Segment Open
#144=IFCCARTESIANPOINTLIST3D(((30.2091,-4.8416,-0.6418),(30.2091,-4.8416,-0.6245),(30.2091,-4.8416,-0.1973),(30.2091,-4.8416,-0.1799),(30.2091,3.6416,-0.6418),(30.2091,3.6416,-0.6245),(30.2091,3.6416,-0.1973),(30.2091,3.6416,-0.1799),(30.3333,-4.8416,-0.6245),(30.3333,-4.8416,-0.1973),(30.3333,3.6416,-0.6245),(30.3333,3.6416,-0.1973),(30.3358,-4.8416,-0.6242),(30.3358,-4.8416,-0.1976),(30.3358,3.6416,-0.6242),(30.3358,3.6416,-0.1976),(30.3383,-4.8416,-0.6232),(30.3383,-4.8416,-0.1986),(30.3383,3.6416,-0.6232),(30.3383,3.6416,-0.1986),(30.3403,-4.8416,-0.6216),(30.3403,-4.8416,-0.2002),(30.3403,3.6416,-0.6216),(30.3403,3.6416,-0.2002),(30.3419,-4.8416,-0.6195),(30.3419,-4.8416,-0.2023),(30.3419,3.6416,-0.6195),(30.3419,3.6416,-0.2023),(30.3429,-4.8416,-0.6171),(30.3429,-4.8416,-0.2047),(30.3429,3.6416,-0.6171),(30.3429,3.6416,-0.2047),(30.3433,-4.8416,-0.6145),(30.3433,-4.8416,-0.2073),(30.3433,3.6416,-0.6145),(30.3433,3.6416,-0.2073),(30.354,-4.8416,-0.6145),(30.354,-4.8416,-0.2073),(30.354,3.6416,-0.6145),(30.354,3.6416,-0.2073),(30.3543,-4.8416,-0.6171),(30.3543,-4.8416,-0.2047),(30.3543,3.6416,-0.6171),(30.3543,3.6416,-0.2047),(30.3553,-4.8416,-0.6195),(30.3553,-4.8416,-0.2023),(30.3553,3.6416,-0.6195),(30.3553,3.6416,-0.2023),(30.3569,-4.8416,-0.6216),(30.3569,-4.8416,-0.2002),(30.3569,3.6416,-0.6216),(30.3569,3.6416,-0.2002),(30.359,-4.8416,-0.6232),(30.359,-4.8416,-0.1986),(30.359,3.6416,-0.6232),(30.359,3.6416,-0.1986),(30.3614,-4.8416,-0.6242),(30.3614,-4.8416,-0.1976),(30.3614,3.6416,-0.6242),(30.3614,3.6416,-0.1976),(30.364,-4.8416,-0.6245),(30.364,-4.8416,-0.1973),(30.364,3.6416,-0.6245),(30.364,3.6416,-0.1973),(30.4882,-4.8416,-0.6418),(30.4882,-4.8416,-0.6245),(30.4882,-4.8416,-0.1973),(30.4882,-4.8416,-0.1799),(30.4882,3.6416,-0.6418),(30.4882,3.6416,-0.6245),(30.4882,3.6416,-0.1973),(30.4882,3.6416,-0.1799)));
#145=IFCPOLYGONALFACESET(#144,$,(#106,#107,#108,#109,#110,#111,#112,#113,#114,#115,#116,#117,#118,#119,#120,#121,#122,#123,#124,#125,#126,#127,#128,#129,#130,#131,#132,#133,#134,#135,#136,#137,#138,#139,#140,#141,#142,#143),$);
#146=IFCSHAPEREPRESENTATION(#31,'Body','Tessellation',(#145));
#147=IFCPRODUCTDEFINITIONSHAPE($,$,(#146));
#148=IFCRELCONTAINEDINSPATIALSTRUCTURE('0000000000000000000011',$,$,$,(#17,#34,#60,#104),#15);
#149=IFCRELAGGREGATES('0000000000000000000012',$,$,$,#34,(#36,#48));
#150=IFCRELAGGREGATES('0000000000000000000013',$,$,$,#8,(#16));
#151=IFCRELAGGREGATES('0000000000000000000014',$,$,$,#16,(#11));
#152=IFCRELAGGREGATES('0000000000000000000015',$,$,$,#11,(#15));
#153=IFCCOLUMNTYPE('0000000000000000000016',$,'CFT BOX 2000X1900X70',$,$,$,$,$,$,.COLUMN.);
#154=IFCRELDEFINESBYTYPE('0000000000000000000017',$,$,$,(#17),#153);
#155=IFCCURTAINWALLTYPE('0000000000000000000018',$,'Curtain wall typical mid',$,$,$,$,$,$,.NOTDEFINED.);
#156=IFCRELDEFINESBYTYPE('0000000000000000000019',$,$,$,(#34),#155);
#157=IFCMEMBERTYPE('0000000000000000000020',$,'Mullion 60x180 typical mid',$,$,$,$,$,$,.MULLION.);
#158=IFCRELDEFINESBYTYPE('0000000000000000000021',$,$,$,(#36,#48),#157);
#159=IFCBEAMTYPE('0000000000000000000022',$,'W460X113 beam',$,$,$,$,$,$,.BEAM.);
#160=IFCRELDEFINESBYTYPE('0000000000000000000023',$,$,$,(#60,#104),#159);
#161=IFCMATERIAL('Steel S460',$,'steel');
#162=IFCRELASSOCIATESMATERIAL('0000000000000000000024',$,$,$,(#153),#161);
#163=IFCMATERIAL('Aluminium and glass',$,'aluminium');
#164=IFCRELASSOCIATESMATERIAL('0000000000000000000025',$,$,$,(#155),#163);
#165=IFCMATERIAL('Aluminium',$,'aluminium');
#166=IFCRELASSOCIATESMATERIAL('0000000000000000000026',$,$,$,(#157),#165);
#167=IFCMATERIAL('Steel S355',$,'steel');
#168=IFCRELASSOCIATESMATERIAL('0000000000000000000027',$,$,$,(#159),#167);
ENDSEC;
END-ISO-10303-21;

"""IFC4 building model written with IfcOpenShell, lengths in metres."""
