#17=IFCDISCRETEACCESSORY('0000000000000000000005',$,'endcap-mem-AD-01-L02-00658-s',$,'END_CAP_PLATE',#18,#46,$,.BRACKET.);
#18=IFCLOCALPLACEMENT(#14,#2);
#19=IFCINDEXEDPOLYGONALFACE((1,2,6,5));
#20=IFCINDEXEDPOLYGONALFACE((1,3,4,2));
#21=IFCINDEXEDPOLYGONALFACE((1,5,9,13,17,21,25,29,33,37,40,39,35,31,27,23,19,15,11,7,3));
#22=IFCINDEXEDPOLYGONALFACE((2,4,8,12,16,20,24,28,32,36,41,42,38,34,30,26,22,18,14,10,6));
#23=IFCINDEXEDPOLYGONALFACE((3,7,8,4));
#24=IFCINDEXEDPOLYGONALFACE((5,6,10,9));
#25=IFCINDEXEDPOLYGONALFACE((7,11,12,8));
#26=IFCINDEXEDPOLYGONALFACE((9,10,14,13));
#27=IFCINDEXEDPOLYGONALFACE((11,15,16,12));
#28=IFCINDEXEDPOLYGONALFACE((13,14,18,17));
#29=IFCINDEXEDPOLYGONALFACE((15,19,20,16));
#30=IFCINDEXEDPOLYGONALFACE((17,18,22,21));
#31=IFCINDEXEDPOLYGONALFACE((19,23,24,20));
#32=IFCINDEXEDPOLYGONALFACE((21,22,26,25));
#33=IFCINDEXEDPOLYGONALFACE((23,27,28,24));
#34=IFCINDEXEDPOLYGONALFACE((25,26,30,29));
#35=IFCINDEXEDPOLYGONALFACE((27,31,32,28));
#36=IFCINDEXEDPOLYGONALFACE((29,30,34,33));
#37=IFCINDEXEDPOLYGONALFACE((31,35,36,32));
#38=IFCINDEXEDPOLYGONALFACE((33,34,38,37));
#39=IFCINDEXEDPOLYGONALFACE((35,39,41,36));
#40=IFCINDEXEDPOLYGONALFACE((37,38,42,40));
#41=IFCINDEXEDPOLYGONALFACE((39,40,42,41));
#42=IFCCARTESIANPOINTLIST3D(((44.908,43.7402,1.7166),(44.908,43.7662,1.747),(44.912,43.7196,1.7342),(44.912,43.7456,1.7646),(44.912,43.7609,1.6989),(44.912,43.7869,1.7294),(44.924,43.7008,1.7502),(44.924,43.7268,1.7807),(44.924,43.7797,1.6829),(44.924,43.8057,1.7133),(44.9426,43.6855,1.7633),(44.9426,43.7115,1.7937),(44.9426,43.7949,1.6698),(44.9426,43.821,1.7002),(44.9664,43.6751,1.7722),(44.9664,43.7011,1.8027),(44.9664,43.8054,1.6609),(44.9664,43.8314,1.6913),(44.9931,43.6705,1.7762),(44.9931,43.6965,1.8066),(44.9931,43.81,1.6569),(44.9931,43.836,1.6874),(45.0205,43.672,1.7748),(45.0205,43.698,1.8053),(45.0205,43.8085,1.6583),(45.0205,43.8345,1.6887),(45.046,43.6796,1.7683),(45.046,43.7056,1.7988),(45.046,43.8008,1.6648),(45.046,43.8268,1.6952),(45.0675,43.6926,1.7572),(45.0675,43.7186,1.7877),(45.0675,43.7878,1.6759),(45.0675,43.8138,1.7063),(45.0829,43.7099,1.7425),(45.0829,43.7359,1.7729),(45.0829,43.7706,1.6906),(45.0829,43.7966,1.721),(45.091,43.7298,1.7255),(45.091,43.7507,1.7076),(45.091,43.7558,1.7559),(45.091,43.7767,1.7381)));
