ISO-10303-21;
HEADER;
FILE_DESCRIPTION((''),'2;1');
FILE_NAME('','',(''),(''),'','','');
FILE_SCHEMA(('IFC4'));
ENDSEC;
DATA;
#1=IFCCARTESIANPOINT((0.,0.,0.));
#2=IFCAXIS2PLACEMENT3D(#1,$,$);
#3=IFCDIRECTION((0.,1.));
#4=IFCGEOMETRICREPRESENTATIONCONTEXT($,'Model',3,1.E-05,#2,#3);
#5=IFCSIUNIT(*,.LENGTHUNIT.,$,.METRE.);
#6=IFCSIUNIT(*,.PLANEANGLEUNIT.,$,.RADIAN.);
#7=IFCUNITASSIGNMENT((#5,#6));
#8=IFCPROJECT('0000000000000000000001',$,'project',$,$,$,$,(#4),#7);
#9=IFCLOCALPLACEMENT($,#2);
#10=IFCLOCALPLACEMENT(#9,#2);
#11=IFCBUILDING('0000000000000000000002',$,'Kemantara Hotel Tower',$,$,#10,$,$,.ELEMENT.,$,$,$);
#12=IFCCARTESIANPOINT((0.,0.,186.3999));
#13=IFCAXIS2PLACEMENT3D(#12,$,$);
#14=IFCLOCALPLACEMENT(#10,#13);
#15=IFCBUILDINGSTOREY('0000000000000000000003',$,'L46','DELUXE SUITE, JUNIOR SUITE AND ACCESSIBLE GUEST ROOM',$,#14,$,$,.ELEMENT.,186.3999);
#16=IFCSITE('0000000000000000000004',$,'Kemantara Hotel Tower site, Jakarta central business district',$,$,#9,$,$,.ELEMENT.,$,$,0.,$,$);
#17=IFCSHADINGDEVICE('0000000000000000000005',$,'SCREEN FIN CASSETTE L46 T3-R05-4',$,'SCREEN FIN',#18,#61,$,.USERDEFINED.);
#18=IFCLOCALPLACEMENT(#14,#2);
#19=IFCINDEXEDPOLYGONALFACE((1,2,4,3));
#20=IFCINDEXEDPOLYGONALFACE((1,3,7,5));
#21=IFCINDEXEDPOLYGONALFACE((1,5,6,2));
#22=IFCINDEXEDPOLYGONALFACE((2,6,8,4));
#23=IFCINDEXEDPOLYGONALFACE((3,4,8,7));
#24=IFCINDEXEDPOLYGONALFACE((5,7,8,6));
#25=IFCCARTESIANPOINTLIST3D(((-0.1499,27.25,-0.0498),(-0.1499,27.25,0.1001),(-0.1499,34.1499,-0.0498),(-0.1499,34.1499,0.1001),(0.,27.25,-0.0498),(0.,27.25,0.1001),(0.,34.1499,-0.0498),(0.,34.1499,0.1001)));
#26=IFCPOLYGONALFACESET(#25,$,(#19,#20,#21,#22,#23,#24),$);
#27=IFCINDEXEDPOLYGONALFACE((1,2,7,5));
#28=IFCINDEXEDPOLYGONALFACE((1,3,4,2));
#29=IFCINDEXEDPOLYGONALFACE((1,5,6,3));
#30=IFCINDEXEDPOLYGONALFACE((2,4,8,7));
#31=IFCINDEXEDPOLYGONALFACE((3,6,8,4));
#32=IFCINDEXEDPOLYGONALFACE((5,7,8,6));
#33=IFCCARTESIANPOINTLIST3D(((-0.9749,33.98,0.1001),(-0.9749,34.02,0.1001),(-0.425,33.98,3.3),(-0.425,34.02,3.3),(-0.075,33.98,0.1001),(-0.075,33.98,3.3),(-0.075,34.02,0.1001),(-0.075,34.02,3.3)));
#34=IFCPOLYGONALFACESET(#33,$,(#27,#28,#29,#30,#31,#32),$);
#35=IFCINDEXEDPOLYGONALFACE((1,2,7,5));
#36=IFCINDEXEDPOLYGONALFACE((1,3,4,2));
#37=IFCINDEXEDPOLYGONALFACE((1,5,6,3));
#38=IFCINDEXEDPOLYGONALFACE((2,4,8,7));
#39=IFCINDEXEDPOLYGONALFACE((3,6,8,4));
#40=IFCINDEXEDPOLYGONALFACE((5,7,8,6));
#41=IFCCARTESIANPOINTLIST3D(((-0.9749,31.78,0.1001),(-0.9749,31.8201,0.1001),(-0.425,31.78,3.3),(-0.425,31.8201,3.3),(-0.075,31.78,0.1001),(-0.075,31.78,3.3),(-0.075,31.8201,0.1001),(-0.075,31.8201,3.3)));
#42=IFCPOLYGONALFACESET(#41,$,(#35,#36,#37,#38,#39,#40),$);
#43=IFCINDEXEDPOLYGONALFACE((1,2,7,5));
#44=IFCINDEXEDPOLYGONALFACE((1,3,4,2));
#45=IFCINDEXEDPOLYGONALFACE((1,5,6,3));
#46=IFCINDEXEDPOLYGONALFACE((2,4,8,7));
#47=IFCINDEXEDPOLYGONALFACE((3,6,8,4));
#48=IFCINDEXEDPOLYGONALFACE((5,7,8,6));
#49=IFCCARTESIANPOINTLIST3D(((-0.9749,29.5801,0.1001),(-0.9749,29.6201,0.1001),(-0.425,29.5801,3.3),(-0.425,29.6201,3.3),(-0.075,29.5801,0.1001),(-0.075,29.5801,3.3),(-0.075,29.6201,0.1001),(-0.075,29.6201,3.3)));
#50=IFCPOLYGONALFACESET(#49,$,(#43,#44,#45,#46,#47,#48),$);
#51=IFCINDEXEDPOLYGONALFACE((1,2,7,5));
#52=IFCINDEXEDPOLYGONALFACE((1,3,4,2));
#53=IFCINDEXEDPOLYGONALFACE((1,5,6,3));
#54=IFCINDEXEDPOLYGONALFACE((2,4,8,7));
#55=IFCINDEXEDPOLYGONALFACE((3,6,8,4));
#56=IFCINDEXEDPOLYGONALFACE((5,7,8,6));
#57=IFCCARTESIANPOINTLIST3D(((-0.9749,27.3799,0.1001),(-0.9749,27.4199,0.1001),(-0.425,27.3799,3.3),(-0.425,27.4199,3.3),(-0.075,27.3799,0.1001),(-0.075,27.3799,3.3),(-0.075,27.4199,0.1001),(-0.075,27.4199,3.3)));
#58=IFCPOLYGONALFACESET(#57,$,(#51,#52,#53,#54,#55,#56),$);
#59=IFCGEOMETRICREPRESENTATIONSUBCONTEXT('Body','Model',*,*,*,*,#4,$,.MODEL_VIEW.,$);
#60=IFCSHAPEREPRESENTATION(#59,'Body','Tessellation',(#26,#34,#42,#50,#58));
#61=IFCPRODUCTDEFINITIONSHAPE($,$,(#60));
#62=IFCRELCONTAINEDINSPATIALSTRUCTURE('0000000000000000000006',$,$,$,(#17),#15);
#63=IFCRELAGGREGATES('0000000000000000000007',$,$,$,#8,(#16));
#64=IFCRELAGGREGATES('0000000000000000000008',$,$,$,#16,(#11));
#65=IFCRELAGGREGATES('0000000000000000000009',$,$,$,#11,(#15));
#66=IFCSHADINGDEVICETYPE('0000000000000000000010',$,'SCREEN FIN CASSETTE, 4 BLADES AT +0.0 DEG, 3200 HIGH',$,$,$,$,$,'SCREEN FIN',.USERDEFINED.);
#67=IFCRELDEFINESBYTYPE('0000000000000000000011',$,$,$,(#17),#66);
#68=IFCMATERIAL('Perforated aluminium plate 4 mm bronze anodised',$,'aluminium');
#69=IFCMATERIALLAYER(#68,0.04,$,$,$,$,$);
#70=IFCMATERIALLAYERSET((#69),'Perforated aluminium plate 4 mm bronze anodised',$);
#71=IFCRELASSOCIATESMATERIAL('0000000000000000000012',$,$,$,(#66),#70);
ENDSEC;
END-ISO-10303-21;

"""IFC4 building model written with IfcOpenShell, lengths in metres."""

from ifc_helpers import new_model, si_unit, direction, frame, origin, origin_2d, place, context, subcontext, project, spatial, polyline, rectangle, outline, extrude, source, transform, mapped, material, layer, layer_set, type_object, element, save


model = new_model("IFC4")

# Units and contexts
model_context = context("Model", 3, precision=1e-05, world=origin(), true_north=direction((0.0, 1.0)))
body_context = subcontext(model_context, "Body", "Model", "MODEL_VIEW")
ifc_project = project(units=[si_unit("LENGTHUNIT", "METRE"), si_unit("PLANEANGLEUNIT", "RADIAN")], contexts=[model_context])

# Site, building, storey
site_placement = place(None, origin())
site = spatial("IfcSite", under=ifc_project, at=site_placement, Name="Kemantara Hotel Tower site, Jakarta central business district", CompositionType="ELEMENT", RefElevation=0.0)
building_placement = place(site_placement, origin())
building = spatial("IfcBuilding", under=site, at=building_placement, Name="Kemantara Hotel Tower", CompositionType="ELEMENT")
storey_placement = place(building_placement, frame((0.0, 0.0, 186.3999)))
storey = spatial("IfcBuildingStorey", under=building, at=storey_placement, Name="L46", Description="DELUXE SUITE, JUNIOR SUITE AND ACCESSIBLE GUEST ROOM", CompositionType="ELEMENT", Elevation=186.3999)

# Shading device
ifc_material_1 = material(Name="Perforated aluminium plate 4 mm bronze anodised", Category="aluminium")
ifc_layer_1 = layer(ifc_material_1, 0.04)
ifc_layer_set_1 = layer_set([ifc_layer_1], Name="Perforated aluminium plate 4 mm bronze anodised")
shading_device_type = type_object("IfcShadingDeviceType", Name="SCREEN FIN CASSETTE, 4 BLADES AT +0.0 DEG, 3200 HIGH", ElementType="SCREEN FIN", PredefinedType="USERDEFINED", material=ifc_layer_set_1)
shared_shape_1 = source(origin(), body_context, "Body", "SweptSolid", [
    extrude(rectangle(XDim=6.8999, YDim=0.1499, at=origin_2d()), frame((3.3, -0.075, -0.1499), z_axis=(0.0, 0.0, 1.0), x_axis=(1.0, 0.0, 0.0)), (0.0, 0.0, 1.0), 0.1499),
    extrude(outline(polyline([(0.0, 0.0), (0.8999, 0.0), (0.3501, 3.2), (0.0, 3.2), (0.0, 0.0)])), frame((0.02, -0.075, 0.0), z_axis=(-1.0, 0.0, 0.0), x_axis=(0.0, -1.0, 0.0)), (0.0, 0.0, 1.0), 0.04),
    extrude(outline(polyline([(0.0, 0.0), (0.8999, 0.0), (0.3501, 3.2), (0.0, 3.2), (0.0, 0.0)])), frame((2.22, -0.075, 0.0), z_axis=(-1.0, 0.0, 0.0), x_axis=(0.0, -1.0, 0.0)), (0.0, 0.0, 1.0), 0.04),
    extrude(outline(polyline([(0.0, 0.0), (0.8999, 0.0), (0.3501, 3.2), (0.0, 3.2), (0.0, 0.0)])), frame((4.4199, -0.075, 0.0), z_axis=(-1.0, 0.0, 0.0), x_axis=(0.0, -1.0, 0.0)), (0.0, 0.0, 1.0), 0.04),
    extrude(outline(polyline([(0.0, 0.0), (0.8999, 0.0), (0.3501, 3.2), (0.0, 3.2), (0.0, 0.0)])), frame((6.6201, -0.075, 0.0), z_axis=(-1.0, 0.0, 0.0), x_axis=(0.0, -1.0, 0.0)), (0.0, 0.0, 1.0), 0.04),
])
shading_device_placement = place(storey_placement, frame((0.0, 34.0, 0.1001), z_axis=(0.0, 0.0, 1.0), x_axis=(0.0, -1.0, 0.0)))
element("IfcShadingDevice", 1, at=shading_device_placement, inside=storey, type_object=shading_device_type, Name="SCREEN FIN CASSETTE L46 T3-R05-4", ObjectType="SCREEN FIN", PredefinedType="USERDEFINED", context=body_context, shape_type="MappedRepresentation", body=[
    mapped(shared_shape_1, transform((0.0, 0.0, 0.0))),
])

save(model, "model.ifc")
Segment Closed
WHAT THE EXERCISE ASKS »
Within the records, tally every line that contains the word "IFCRELDEFINESBYTYPE". Only the resulting number should be given.

EXERCISE OUTPUT »
5